=== Data extracts ===
----

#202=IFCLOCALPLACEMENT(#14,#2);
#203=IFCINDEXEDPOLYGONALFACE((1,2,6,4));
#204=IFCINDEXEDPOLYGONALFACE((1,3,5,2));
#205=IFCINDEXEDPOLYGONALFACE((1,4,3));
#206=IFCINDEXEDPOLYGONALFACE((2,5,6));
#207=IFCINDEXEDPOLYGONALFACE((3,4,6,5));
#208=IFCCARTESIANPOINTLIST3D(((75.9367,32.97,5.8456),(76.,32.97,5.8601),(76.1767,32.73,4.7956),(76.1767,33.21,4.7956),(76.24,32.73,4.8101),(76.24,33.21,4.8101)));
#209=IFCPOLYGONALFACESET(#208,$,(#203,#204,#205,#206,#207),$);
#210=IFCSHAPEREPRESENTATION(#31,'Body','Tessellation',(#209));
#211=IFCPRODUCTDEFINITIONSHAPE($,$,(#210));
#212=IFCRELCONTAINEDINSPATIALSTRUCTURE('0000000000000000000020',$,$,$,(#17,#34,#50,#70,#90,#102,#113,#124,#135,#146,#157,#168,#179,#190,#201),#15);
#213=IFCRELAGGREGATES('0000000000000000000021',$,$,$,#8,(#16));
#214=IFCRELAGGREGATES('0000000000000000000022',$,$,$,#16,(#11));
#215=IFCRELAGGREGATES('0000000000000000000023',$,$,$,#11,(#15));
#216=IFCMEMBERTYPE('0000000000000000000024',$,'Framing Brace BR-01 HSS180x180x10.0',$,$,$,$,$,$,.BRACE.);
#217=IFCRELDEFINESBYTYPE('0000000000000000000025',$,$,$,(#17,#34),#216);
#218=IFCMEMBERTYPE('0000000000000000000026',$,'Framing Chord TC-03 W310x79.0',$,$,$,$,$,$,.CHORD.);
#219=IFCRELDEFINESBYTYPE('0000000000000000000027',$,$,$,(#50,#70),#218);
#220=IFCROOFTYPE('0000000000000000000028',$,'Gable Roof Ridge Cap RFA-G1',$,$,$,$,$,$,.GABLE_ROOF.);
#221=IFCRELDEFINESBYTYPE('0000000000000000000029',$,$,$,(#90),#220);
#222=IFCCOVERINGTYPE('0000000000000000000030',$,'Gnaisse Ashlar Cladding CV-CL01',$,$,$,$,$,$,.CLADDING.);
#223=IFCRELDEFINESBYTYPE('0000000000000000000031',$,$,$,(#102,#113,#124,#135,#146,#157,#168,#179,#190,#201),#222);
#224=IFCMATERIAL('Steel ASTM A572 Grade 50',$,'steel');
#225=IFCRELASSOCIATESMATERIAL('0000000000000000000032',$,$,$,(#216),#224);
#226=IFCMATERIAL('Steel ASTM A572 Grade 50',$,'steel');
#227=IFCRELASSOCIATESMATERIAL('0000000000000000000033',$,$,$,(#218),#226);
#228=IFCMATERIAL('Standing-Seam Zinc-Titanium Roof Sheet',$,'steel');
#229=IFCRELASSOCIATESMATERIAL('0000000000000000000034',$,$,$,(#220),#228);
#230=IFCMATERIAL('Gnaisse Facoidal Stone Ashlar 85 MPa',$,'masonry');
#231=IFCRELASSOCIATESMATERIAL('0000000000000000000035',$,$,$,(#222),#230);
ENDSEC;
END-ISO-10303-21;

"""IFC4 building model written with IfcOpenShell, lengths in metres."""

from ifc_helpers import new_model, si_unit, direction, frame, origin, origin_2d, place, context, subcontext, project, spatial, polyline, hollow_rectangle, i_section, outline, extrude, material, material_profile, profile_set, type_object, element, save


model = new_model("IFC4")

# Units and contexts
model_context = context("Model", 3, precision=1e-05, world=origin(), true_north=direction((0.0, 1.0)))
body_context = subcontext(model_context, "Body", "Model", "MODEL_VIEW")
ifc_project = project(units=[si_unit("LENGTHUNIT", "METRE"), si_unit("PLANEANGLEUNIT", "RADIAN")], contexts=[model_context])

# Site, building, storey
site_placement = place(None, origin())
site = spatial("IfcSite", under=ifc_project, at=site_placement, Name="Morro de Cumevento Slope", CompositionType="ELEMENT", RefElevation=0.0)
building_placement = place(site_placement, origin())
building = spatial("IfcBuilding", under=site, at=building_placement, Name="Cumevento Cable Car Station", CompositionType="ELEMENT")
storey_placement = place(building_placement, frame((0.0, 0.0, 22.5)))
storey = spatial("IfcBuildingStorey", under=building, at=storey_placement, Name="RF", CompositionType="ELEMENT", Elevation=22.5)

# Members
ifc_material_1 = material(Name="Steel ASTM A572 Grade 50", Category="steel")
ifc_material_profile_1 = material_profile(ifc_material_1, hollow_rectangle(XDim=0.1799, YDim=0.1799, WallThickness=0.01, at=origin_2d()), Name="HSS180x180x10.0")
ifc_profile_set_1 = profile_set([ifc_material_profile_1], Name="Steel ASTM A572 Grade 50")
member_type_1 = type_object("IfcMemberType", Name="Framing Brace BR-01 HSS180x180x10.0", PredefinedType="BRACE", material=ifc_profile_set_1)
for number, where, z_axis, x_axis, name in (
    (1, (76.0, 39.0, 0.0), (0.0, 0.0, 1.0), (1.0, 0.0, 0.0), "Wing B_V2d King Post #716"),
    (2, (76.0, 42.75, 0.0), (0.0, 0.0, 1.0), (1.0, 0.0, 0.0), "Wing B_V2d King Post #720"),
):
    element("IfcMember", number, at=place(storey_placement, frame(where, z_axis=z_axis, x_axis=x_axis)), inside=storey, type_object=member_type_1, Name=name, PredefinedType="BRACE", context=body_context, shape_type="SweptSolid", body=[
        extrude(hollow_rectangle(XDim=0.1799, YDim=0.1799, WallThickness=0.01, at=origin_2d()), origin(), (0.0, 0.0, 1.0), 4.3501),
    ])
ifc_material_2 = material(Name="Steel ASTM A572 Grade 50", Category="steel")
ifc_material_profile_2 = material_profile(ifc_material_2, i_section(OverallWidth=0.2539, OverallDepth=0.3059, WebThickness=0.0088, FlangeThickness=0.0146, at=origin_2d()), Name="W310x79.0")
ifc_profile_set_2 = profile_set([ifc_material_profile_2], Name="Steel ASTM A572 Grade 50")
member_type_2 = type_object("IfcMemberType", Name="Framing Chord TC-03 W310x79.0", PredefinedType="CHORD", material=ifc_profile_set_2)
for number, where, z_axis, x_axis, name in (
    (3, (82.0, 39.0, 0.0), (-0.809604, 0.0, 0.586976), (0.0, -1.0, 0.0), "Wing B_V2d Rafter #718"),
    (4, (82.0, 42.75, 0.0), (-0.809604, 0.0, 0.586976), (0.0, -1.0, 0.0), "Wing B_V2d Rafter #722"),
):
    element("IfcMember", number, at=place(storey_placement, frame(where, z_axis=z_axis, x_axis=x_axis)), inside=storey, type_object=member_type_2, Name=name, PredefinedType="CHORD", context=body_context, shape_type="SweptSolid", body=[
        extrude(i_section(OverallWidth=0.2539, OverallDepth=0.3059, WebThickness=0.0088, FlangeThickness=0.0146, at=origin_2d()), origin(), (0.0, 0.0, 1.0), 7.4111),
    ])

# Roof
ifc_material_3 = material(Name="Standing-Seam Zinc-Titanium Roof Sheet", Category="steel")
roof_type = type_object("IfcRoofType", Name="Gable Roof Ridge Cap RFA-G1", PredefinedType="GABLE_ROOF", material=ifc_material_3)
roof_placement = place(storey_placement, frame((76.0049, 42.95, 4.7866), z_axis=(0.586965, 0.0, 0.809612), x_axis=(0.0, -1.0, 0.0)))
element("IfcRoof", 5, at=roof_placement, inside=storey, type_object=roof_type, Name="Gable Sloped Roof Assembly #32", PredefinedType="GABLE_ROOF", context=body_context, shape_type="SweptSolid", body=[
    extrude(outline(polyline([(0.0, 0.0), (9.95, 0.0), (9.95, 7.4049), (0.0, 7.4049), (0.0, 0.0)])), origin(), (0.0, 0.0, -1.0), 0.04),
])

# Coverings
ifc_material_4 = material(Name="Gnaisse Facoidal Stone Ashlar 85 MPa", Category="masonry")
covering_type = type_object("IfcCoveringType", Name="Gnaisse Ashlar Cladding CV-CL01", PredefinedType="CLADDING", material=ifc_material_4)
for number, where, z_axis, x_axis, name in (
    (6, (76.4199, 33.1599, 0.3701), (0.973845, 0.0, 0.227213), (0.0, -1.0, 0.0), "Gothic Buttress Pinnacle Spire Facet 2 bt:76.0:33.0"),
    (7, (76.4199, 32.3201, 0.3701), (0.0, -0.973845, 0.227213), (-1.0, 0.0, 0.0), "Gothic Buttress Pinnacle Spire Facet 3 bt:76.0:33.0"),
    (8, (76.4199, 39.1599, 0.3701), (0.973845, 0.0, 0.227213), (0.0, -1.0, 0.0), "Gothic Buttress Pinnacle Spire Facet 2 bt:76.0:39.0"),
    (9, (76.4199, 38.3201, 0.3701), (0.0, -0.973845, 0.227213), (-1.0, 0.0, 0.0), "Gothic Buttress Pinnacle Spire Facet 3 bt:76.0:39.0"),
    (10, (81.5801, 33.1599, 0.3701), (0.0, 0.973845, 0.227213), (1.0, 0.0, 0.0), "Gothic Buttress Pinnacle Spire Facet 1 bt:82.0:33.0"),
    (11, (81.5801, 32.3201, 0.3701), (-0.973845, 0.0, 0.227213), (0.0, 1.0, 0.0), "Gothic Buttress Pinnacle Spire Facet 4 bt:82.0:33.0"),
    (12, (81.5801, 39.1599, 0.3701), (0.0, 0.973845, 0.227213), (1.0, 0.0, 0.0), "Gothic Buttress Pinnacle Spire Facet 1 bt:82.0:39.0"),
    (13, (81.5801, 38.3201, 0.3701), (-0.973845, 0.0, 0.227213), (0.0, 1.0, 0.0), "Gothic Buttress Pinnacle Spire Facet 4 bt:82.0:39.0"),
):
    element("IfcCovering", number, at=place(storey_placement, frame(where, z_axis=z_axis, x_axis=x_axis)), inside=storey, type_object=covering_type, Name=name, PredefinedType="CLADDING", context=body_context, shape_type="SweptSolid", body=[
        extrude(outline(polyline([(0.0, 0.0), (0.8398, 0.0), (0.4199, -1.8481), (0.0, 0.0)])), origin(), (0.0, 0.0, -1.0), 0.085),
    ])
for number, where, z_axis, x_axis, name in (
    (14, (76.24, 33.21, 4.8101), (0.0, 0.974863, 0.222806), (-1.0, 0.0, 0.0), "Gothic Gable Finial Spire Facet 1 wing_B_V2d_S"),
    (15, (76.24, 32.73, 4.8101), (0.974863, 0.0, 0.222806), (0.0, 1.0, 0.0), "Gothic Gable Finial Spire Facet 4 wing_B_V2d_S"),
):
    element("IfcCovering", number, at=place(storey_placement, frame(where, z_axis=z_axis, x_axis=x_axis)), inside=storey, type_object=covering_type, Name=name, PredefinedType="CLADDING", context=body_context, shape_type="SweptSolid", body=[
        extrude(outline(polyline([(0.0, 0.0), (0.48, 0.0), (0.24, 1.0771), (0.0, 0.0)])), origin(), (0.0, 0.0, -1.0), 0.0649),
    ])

----

From the entries above, select each line containing the string "Framing".

#216=IFCMEMBERTYPE('0000000000000000000024',$,'Framing Brace BR-01 HSS180x180x10.0',$,$,$,$,$,$,.BRACE.);
#218=IFCMEMBERTYPE('0000000000000000000026',$,'Framing Chord TC-03 W310x79.0',$,$,$,$,$,$,.CHORD.);
member_type_1 = type_object("IfcMemberType", Name="Framing Brace BR-01 HSS180x180x10.0", PredefinedType="BRACE", material=ifc_profile_set_1)
member_type_2 = type_object("IfcMemberType", Name="Framing Chord TC-03 W310x79.0", PredefinedType="CHORD", material=ifc_profile_set_2)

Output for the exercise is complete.